*TASK DIRECTIONS*.
Check every line of the data and copy the ones where "PredefinedType" appears.

-=-=-

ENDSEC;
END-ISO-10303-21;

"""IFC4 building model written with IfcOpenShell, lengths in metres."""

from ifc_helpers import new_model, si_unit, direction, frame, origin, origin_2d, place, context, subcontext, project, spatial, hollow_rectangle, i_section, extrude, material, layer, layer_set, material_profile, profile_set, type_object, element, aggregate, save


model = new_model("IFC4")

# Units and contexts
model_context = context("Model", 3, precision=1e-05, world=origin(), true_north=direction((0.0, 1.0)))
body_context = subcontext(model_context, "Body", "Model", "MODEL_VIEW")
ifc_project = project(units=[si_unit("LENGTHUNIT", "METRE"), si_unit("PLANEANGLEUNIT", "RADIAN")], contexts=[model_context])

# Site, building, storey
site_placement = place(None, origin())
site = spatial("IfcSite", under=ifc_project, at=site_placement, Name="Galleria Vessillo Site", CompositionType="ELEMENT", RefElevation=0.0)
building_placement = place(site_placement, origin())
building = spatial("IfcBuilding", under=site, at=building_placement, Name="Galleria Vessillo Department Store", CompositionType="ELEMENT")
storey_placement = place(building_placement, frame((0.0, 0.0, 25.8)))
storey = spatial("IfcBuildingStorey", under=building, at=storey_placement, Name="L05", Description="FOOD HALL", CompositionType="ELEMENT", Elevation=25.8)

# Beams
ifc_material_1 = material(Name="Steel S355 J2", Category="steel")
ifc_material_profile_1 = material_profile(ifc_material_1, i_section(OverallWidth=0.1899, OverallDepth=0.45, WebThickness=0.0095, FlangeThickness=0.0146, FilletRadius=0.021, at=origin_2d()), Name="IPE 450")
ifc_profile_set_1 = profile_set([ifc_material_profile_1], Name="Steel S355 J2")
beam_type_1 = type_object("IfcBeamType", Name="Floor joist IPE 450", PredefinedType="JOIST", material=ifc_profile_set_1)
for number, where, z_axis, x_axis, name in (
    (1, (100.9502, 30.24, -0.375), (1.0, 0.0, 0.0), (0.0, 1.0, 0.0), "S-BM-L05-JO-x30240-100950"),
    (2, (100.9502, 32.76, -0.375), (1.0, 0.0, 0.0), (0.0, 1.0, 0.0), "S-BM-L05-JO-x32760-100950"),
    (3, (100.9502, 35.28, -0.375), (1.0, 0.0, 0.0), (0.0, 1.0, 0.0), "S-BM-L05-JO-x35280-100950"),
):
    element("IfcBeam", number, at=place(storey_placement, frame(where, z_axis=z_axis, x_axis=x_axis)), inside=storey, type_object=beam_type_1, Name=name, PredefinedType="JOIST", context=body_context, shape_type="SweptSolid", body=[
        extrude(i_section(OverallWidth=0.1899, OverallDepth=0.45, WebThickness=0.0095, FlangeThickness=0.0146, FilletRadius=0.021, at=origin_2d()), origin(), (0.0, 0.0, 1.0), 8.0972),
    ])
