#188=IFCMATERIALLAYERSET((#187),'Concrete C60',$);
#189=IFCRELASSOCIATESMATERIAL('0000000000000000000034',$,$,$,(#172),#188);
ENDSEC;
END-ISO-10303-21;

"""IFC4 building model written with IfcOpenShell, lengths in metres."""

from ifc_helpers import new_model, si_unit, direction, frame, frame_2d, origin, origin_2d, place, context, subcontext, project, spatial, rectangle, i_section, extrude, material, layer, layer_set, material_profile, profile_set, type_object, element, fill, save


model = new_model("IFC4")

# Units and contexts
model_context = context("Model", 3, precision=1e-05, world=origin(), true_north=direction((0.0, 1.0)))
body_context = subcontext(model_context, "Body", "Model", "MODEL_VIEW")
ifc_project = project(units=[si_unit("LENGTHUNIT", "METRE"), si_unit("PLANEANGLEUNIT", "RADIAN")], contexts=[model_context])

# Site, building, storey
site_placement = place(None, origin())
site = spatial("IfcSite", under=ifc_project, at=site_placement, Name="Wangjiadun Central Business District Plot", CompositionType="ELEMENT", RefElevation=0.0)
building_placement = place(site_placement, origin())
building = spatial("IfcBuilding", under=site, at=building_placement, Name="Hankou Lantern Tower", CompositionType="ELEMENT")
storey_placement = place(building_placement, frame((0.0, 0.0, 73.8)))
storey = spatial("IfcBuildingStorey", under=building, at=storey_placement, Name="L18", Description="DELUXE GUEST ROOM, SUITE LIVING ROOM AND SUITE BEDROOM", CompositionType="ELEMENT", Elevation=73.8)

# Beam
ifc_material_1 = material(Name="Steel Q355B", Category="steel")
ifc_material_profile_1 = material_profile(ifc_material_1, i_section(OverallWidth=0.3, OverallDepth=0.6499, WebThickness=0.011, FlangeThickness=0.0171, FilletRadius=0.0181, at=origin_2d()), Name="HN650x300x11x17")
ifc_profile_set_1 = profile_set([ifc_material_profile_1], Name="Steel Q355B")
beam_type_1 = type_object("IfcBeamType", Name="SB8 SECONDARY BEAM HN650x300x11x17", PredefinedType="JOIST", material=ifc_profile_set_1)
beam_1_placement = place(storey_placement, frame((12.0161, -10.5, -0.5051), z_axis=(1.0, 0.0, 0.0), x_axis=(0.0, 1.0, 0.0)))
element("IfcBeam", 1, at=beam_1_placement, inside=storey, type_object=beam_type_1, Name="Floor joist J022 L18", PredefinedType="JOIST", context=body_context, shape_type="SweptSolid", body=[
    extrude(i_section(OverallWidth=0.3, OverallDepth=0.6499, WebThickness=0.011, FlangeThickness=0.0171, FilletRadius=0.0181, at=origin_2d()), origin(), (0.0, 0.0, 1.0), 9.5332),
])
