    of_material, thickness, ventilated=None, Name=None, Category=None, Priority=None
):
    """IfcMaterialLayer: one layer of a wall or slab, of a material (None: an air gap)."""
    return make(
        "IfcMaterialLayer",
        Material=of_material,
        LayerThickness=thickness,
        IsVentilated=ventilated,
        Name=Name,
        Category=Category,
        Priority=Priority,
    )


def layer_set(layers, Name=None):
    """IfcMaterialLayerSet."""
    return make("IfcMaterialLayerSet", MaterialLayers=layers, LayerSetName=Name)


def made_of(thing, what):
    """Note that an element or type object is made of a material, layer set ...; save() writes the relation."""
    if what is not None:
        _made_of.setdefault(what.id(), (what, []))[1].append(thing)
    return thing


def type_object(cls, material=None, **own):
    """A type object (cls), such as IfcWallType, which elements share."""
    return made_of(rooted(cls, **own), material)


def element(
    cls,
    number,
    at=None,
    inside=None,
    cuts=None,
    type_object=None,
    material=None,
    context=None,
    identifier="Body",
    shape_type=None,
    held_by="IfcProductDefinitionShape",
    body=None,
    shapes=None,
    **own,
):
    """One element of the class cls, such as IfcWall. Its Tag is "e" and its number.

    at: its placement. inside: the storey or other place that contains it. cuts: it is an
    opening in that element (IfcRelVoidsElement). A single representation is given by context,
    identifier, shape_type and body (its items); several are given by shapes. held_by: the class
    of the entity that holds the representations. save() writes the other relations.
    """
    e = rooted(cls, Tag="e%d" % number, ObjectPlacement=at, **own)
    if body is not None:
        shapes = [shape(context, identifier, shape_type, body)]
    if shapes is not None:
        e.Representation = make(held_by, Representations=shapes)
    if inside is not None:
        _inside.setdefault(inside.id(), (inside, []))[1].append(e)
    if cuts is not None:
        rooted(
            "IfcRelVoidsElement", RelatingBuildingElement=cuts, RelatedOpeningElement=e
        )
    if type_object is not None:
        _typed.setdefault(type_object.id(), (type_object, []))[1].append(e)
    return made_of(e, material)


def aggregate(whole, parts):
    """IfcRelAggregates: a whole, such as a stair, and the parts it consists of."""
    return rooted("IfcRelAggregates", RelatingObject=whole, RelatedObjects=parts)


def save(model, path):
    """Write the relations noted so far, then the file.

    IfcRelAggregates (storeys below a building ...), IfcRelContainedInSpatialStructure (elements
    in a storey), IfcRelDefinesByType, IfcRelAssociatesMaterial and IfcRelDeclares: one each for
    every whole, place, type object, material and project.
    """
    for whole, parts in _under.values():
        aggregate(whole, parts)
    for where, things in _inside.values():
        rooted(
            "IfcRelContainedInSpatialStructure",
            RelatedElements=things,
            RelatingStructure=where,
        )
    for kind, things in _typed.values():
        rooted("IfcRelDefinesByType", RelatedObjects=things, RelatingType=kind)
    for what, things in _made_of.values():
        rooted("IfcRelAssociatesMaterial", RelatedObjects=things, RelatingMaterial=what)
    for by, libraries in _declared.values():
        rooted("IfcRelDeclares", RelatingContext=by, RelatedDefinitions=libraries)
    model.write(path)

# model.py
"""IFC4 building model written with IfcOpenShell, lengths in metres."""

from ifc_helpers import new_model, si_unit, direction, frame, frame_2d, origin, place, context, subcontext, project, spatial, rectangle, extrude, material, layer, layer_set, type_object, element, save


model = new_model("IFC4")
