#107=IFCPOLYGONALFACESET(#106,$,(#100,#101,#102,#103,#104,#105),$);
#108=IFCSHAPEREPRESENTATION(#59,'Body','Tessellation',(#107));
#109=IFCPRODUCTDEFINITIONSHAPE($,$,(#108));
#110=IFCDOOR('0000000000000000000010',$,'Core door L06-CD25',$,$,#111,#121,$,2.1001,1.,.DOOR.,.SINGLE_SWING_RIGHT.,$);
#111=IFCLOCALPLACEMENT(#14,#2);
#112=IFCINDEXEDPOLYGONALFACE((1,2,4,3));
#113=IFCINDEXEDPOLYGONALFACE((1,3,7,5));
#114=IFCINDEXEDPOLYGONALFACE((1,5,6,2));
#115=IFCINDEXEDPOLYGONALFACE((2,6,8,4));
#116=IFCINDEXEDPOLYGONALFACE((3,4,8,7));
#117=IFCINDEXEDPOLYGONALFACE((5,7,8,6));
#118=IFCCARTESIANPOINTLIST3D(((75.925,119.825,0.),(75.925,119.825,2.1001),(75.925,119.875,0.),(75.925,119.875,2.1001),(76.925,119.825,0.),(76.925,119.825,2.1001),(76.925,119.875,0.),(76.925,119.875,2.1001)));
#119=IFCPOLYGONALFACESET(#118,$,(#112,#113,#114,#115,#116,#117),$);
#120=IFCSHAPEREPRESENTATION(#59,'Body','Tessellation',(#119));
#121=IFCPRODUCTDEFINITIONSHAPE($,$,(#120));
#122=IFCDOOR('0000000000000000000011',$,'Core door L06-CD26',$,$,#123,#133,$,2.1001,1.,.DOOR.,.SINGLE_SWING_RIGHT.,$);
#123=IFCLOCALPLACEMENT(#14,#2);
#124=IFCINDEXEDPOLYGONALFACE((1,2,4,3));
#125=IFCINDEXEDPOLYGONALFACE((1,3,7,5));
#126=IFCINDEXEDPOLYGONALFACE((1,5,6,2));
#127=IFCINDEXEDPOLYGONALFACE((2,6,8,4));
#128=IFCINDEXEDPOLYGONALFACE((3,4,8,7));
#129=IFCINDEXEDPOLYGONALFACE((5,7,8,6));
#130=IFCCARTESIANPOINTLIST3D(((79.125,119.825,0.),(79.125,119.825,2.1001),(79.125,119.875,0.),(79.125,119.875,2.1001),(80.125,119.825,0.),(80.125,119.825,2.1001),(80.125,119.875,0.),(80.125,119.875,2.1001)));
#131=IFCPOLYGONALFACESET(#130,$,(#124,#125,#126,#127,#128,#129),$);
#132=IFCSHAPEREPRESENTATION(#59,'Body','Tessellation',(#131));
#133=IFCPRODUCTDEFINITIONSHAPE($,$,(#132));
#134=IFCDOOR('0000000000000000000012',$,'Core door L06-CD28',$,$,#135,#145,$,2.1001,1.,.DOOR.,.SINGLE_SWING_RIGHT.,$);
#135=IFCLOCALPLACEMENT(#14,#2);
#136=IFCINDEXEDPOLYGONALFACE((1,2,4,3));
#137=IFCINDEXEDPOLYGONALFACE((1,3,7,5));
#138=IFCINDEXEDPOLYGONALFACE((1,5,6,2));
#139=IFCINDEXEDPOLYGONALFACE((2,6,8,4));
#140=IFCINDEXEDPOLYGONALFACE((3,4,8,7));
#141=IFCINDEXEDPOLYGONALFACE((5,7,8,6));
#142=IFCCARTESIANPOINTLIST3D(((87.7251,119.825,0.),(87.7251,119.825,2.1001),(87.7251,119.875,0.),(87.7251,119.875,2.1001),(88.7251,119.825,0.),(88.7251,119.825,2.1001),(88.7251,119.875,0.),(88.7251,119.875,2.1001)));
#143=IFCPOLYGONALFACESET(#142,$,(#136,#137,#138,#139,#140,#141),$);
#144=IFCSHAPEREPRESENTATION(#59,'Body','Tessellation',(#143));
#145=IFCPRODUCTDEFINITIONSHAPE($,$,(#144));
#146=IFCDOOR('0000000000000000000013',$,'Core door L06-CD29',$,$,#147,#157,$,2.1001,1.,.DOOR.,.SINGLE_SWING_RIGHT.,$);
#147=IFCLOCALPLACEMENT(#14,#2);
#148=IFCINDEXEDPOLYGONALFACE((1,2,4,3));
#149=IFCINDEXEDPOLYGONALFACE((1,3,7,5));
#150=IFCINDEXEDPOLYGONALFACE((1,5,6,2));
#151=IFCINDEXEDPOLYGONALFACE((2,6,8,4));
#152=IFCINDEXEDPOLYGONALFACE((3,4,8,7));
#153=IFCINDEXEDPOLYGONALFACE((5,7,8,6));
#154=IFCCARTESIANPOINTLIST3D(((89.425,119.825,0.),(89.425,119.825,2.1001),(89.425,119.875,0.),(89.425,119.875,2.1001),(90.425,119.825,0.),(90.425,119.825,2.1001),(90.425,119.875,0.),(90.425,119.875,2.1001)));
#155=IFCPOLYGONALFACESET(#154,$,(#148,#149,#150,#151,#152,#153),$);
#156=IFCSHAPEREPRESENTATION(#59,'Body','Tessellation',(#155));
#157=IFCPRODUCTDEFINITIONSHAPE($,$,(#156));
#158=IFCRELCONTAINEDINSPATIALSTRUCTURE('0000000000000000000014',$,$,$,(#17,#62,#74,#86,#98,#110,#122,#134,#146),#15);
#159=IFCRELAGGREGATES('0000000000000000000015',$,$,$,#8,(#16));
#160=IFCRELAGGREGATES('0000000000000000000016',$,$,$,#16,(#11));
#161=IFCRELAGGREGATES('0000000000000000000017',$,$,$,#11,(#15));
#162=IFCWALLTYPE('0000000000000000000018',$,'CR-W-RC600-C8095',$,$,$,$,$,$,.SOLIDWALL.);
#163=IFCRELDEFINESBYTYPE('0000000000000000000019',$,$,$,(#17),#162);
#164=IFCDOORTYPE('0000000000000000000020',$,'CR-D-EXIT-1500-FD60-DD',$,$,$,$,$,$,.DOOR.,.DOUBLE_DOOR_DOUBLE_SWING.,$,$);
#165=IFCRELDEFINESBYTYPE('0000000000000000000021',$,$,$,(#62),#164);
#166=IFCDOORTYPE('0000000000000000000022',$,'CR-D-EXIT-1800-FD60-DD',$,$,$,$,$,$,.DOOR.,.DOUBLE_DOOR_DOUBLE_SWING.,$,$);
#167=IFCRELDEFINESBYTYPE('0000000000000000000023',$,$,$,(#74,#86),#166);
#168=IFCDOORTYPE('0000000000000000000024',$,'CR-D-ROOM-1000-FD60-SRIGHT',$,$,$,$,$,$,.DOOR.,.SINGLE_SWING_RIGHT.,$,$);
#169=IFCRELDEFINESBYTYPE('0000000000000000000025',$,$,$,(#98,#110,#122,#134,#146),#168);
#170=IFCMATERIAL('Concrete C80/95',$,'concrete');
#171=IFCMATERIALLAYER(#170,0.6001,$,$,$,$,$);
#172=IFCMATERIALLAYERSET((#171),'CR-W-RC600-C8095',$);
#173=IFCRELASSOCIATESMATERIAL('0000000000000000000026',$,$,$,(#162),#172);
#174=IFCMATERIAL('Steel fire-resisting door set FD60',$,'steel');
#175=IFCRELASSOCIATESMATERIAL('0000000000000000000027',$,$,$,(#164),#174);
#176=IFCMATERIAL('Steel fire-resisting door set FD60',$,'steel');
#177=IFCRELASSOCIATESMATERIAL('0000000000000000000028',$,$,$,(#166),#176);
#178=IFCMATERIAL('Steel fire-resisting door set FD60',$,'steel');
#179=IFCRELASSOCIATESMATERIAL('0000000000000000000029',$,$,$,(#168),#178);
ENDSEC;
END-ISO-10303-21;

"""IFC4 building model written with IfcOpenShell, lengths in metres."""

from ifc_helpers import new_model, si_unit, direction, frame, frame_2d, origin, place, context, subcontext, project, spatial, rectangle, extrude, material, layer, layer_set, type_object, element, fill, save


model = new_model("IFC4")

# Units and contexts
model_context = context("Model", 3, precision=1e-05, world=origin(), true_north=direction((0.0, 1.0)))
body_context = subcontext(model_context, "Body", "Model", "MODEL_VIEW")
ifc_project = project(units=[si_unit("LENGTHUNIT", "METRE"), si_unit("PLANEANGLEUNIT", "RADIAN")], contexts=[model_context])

-=-=-

*SOLUTION TO THIS TASK*.
beam_type_1 = type_object("IfcBeamType", Name="Floor joist IPE 450", PredefinedType="JOIST", material=ifc_profile_set_1)
    element("IfcBeam", number, at=place(storey_placement, frame(where, z_axis=z_axis, x_axis=x_axis)), inside=storey, type_object=beam_type_1, Name=name, PredefinedType="JOIST", context=body_context, shape_type="SweptSolid", body=[
beam_type_1 = type_object("IfcBeamType", Name="SB8 SECONDARY BEAM HN650x300x11x17", PredefinedType="JOIST", material=ifc_profile_set_1)
element("IfcBeam", 1, at=beam_1_placement, inside=storey, type_object=beam_type_1, Name="Floor joist J022 L18", PredefinedType="JOIST", context=body_context, shape_type="SweptSolid", body=[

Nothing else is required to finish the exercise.